• [Problem statement]:
Only lines holding the string "given" are wanted; copy each one from the material.

• [Exercise data]:
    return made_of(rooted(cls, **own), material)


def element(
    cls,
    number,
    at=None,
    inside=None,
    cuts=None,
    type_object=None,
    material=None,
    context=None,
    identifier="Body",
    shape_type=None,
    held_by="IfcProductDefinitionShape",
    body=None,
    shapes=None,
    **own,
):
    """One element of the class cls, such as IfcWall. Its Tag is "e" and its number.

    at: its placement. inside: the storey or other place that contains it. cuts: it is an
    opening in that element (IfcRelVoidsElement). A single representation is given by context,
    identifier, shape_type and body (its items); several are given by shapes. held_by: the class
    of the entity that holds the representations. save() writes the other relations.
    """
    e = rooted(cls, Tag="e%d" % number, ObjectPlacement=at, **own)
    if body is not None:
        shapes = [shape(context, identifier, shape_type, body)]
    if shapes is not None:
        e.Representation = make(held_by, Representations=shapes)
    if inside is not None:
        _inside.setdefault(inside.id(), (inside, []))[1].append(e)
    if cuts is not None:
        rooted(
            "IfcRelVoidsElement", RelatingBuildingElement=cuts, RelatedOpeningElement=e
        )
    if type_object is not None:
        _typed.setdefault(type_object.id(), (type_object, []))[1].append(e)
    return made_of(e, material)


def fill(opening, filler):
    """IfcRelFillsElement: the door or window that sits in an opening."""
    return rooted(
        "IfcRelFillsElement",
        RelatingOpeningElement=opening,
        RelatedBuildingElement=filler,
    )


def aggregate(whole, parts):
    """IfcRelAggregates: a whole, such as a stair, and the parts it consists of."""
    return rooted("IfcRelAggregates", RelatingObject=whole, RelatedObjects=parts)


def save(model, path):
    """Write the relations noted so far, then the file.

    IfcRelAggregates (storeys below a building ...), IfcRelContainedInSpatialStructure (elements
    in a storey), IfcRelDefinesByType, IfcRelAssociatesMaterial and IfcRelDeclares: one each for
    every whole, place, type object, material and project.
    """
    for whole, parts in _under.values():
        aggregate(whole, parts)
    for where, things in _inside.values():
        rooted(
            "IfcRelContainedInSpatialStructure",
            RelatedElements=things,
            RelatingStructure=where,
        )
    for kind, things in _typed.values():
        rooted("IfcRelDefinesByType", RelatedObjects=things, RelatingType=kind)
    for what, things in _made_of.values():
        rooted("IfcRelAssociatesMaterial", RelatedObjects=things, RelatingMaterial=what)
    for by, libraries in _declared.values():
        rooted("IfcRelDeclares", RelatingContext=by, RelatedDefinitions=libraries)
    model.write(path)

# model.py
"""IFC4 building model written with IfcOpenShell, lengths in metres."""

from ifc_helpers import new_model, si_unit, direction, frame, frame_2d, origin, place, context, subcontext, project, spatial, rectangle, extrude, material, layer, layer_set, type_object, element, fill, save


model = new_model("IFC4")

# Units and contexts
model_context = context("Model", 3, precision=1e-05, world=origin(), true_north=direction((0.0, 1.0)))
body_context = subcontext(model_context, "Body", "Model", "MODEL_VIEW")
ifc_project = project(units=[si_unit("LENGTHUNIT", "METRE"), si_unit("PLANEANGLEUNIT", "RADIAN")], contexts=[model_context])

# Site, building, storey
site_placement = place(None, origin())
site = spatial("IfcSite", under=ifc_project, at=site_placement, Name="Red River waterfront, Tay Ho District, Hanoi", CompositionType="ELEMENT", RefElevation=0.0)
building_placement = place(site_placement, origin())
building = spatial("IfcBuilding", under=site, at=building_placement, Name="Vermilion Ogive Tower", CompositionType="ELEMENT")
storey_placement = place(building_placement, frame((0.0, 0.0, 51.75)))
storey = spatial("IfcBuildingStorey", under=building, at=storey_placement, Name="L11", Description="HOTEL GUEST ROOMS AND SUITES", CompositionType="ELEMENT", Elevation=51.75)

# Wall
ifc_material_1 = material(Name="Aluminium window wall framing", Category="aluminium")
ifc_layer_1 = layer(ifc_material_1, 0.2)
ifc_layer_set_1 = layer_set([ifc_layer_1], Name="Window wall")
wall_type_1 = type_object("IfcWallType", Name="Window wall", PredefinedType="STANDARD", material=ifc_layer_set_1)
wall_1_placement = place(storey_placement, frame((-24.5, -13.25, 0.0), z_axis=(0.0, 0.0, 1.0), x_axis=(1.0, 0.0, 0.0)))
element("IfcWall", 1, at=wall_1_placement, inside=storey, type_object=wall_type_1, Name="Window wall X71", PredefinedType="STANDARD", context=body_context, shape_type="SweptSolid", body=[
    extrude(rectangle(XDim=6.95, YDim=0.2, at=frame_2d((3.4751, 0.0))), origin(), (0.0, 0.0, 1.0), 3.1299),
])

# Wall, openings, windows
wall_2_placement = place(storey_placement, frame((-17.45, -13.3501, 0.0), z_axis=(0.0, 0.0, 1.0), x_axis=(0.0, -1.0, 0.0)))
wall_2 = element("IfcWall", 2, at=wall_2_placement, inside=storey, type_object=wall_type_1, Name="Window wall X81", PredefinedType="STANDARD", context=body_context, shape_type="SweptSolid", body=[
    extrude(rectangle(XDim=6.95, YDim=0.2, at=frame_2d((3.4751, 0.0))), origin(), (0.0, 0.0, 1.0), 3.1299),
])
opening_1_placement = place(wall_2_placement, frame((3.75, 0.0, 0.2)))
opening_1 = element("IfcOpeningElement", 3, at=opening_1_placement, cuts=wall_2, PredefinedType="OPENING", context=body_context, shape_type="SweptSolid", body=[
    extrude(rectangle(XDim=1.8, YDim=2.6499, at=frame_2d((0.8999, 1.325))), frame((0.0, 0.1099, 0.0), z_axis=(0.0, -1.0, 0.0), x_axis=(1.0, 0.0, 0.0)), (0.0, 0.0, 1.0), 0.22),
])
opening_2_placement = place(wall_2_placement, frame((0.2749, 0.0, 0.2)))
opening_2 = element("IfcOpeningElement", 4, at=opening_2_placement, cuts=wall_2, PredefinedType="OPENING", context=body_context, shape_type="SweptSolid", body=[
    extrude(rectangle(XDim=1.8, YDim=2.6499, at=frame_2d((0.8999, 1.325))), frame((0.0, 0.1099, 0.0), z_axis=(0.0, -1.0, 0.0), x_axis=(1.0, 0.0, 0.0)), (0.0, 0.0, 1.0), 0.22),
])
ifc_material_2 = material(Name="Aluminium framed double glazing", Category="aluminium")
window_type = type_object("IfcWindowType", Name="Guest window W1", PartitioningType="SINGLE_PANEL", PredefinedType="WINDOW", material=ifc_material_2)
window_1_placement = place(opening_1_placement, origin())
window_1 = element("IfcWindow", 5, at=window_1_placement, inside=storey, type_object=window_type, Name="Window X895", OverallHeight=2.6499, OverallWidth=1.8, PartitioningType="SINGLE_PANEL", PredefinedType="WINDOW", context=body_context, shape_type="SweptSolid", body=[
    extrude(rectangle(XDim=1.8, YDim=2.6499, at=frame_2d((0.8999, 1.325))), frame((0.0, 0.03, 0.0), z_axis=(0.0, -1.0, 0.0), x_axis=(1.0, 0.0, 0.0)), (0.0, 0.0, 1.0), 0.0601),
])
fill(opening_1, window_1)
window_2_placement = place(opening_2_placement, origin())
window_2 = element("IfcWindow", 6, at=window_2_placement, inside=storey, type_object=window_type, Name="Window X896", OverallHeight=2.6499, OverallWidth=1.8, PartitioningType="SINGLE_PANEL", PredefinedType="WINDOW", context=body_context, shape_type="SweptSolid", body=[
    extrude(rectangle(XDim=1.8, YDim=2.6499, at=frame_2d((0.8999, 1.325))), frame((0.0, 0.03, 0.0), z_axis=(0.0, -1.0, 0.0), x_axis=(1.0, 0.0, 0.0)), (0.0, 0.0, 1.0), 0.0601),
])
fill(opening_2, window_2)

• [Written solution]:
    opening in that element (IfcRelVoidsElement). A single representation is given by context,
    identifier, shape_type and body (its items); several are given by shapes. held_by: the class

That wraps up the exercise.